▸ What you are asked to do
Search the data below for "IFCPOLYGONALFACESET" and report how many lines contain it, with no other text.

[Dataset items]
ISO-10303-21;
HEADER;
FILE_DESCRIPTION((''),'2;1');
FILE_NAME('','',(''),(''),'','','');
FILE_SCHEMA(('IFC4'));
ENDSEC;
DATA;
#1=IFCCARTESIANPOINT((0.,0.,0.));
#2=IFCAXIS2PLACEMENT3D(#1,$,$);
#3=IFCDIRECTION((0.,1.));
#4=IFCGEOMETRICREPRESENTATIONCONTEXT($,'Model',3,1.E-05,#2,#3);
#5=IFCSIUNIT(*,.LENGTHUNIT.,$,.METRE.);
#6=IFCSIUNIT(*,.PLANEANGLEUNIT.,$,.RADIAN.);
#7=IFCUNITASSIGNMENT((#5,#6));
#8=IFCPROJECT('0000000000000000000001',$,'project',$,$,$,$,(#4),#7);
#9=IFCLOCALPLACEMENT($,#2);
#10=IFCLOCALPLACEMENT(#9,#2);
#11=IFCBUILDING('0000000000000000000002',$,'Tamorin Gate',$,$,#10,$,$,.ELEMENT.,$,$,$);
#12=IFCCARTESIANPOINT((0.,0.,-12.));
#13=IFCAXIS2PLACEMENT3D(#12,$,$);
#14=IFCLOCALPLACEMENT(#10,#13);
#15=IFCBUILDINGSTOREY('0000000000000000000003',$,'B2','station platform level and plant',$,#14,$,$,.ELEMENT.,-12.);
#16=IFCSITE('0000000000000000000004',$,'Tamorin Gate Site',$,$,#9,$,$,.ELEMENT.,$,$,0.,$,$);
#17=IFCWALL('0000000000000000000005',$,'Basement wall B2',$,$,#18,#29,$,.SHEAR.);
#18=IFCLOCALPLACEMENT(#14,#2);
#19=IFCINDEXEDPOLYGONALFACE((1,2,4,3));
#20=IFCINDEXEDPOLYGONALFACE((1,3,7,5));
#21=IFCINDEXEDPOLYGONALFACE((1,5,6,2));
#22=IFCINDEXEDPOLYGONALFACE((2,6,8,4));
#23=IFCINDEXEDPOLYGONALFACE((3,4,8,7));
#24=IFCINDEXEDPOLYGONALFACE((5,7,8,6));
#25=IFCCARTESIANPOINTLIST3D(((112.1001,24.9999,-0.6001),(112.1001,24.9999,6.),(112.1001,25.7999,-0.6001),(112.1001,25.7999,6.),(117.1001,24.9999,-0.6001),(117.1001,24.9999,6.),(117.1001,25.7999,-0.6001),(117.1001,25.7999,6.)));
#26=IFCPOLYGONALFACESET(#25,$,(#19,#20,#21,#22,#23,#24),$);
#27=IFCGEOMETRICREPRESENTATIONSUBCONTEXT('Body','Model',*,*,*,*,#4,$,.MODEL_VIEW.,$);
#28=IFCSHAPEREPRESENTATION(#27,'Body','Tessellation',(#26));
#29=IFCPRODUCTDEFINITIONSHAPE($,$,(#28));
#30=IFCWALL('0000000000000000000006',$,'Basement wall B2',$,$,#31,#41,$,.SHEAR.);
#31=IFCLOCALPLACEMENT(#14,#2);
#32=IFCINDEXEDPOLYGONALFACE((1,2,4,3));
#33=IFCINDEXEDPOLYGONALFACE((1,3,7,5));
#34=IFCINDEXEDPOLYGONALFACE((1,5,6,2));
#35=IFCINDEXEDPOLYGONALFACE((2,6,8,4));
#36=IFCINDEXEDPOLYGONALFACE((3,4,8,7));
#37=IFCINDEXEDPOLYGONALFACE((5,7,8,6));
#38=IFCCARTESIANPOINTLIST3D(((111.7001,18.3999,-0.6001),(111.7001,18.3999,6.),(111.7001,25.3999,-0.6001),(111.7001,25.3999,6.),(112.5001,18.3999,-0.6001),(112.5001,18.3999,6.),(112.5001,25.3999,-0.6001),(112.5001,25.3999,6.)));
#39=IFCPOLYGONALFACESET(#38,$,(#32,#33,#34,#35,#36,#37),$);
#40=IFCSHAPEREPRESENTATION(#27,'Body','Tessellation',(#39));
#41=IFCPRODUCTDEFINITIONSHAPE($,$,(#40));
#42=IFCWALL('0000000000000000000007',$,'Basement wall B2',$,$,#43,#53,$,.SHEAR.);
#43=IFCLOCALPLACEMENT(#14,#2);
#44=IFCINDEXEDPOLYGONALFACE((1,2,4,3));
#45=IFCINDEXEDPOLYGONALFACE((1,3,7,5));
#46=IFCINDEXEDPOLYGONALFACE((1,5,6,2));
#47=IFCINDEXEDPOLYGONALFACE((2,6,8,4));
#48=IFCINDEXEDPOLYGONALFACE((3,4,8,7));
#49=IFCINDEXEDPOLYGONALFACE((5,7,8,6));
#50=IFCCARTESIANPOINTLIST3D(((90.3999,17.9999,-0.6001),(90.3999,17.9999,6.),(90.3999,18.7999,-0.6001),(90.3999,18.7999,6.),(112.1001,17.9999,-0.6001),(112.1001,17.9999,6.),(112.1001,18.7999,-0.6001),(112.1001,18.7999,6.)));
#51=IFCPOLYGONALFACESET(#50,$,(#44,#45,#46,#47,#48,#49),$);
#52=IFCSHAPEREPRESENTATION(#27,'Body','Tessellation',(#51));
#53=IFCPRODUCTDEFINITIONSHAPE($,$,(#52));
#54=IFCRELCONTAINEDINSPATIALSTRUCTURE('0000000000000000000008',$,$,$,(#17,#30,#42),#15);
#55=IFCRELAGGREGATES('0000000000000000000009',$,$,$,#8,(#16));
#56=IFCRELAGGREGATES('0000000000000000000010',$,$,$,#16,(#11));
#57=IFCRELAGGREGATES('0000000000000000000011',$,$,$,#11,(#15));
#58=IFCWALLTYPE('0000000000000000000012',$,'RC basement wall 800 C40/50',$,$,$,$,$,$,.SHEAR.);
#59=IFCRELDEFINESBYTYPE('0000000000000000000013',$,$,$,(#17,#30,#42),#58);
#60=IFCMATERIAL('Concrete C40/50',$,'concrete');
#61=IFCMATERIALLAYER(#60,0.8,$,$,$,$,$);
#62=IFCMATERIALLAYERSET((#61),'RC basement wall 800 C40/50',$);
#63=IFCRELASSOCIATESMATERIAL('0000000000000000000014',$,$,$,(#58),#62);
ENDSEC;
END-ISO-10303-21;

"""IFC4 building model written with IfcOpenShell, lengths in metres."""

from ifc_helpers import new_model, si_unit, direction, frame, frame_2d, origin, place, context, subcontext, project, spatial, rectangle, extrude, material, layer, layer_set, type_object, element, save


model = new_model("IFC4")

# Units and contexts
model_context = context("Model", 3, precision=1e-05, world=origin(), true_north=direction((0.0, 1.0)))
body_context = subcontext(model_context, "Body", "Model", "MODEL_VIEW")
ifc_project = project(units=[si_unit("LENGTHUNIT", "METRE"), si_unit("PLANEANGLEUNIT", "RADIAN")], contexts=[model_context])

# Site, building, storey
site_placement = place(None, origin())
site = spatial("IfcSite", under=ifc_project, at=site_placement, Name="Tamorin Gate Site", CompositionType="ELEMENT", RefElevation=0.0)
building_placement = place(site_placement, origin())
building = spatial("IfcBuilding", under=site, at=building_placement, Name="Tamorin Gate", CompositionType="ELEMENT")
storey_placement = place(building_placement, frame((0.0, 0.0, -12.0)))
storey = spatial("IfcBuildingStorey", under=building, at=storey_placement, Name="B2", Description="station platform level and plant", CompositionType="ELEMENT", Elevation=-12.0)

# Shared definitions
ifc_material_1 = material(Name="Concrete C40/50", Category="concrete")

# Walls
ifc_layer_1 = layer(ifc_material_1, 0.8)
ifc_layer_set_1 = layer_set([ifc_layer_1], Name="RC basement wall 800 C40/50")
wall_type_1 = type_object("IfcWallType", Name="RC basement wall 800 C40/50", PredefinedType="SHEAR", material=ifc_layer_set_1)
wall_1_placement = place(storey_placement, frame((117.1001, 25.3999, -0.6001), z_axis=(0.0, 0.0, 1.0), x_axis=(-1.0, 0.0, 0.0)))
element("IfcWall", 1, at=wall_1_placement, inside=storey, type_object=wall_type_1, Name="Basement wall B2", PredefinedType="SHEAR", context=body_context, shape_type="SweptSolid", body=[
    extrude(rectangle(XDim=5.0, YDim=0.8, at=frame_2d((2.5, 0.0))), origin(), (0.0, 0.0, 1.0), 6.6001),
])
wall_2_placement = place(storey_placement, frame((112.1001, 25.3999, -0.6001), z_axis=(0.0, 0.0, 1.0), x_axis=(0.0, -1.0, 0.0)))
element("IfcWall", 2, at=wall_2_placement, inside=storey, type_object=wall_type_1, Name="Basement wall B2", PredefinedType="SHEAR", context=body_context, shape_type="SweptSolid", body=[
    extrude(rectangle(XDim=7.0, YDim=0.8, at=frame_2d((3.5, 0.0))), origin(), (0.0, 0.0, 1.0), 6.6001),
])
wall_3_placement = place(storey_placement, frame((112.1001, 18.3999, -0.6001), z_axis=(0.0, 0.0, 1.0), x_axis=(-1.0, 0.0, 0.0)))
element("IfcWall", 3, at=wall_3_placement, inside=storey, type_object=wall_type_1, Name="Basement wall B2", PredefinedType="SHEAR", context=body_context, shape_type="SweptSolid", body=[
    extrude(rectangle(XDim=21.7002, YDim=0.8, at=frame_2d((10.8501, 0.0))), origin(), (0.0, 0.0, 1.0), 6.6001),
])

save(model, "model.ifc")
...
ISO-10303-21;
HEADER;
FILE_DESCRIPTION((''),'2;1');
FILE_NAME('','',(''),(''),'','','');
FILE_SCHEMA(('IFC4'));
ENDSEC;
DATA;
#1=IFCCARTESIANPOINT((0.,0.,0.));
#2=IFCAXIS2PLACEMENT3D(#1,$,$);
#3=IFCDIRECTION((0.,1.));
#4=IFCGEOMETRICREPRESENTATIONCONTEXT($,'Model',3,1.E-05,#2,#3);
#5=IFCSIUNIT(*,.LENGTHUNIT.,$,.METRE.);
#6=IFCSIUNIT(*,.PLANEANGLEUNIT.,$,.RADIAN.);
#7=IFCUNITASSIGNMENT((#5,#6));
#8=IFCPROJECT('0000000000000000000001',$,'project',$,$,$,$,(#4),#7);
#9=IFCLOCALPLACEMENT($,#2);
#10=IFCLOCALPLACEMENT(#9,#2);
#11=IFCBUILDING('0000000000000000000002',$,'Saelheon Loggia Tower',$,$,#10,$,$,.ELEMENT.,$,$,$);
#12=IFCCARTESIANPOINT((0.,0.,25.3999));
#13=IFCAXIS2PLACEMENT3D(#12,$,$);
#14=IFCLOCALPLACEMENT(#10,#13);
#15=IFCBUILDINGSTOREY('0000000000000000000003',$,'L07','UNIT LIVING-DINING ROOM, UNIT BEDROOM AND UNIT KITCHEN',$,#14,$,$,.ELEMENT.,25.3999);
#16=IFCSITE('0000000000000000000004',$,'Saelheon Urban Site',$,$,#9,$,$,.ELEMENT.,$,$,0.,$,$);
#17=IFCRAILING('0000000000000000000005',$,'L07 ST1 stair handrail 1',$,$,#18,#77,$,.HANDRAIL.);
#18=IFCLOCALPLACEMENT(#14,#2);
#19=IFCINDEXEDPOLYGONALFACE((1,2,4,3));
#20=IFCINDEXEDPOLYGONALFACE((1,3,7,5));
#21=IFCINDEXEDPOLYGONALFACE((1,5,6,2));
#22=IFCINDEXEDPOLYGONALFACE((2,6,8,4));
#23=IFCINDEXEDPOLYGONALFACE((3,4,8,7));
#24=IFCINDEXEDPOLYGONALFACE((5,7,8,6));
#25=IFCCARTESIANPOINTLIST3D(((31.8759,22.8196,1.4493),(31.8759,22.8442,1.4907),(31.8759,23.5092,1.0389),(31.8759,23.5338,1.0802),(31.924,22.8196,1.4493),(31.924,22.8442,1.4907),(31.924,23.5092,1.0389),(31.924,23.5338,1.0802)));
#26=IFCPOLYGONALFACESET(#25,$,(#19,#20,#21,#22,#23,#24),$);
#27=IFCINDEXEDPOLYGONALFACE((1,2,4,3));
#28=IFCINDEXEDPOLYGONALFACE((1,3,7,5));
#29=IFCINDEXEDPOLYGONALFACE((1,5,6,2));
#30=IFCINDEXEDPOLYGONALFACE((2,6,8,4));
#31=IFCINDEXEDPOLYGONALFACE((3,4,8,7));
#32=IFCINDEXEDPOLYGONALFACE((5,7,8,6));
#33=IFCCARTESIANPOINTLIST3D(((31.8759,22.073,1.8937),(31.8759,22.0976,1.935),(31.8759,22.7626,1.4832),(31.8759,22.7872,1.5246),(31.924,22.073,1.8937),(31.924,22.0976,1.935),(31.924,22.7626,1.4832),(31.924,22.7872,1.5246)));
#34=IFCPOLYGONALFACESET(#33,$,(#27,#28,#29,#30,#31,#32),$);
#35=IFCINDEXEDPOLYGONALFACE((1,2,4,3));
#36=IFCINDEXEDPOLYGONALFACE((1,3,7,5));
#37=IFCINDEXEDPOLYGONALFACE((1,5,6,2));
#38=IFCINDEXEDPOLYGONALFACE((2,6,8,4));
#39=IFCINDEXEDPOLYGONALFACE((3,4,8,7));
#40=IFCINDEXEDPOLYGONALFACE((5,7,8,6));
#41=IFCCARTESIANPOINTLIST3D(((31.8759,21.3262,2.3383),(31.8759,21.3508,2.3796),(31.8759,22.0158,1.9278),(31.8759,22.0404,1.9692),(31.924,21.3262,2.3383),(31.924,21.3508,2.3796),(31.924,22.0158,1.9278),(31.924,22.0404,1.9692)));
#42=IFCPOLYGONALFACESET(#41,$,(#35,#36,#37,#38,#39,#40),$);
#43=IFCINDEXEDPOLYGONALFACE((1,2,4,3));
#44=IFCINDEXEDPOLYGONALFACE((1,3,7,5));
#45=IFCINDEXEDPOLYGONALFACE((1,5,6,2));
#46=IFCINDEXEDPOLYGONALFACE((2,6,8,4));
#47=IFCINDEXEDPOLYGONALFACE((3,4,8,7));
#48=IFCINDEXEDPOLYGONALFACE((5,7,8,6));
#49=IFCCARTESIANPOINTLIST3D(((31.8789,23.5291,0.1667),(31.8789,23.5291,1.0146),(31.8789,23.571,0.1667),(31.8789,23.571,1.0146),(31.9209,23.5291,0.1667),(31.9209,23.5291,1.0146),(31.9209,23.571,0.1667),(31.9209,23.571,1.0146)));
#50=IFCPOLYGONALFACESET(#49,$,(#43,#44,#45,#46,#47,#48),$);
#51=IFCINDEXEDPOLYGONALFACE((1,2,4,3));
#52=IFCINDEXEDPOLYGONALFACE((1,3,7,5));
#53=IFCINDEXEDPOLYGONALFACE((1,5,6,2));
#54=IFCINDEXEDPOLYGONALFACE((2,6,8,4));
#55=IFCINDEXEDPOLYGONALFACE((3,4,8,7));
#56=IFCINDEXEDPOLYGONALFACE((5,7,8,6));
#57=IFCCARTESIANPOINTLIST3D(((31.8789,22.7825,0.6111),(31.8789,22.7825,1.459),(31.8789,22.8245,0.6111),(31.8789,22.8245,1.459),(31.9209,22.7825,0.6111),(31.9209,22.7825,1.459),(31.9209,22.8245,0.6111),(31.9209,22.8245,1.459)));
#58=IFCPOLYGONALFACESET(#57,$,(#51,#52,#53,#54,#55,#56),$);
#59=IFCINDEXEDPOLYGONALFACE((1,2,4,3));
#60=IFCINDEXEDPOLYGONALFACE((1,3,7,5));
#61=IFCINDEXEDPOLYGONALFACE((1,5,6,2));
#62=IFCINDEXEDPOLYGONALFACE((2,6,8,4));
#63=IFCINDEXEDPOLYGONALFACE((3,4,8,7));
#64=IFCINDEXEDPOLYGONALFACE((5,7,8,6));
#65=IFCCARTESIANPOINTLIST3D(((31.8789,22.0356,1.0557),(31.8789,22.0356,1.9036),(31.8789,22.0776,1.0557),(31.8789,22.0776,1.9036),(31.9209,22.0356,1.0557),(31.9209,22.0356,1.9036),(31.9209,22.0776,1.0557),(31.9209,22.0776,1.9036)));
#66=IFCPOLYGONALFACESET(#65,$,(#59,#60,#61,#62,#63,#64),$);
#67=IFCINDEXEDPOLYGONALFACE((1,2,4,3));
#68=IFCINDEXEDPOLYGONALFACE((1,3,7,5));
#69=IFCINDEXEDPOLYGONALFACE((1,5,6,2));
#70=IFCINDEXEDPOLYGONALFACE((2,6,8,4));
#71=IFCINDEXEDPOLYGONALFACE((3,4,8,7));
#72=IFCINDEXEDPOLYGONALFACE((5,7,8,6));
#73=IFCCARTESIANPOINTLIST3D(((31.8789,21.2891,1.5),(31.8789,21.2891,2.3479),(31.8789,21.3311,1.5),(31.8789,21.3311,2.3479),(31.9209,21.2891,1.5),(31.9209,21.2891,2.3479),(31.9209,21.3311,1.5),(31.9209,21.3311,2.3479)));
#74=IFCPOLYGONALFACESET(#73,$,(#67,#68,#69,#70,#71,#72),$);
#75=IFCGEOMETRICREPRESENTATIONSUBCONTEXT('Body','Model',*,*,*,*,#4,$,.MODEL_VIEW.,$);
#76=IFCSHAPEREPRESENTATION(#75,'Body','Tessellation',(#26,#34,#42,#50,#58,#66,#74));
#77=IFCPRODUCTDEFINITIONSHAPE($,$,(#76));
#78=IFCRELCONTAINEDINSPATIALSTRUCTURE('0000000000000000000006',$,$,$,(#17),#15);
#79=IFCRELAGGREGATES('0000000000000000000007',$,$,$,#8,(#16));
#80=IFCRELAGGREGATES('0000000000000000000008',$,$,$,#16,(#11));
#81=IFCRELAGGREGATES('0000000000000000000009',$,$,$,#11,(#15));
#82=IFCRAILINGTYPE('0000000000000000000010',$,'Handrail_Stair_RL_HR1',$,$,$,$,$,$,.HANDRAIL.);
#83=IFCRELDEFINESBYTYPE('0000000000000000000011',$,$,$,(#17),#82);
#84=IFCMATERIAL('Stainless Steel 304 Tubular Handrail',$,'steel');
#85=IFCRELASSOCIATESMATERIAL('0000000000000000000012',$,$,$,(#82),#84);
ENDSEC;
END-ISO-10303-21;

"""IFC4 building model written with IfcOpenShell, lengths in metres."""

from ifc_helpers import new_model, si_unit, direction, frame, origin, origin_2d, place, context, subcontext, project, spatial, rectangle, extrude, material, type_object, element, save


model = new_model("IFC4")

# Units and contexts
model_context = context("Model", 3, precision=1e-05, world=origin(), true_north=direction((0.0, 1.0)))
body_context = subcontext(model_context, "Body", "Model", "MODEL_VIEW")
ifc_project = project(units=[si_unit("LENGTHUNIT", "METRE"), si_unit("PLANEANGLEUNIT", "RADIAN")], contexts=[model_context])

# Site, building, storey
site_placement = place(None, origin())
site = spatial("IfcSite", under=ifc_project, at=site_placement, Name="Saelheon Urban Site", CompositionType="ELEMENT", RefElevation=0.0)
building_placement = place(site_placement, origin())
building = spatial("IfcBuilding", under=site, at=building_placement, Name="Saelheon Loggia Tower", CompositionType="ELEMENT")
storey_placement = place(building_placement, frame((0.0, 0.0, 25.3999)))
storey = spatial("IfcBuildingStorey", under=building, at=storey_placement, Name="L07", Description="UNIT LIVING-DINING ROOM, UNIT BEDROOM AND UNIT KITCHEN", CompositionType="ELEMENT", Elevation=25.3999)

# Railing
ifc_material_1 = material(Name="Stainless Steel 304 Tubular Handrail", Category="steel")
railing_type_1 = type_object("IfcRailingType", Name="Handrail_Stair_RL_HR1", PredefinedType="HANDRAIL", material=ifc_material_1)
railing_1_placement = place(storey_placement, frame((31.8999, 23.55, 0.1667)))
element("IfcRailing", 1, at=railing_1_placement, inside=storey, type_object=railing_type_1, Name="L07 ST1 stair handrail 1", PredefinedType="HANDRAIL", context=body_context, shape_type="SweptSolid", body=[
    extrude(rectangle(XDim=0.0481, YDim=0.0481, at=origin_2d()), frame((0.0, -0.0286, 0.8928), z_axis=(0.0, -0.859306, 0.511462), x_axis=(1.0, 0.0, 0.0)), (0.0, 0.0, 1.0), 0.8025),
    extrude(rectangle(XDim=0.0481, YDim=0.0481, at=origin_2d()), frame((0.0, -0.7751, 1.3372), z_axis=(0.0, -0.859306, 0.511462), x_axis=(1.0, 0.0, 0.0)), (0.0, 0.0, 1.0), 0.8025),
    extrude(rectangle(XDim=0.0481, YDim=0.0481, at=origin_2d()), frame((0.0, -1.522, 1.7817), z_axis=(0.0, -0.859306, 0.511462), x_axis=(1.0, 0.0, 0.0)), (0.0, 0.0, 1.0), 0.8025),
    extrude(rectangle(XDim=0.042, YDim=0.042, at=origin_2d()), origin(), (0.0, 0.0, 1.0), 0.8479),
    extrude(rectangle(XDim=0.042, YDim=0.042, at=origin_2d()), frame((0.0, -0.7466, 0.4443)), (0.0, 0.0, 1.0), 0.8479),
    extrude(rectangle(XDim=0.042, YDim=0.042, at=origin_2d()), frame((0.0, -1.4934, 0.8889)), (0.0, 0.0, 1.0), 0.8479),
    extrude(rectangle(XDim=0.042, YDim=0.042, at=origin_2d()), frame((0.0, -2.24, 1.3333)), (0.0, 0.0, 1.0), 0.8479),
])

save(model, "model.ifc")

▸ Task answer
10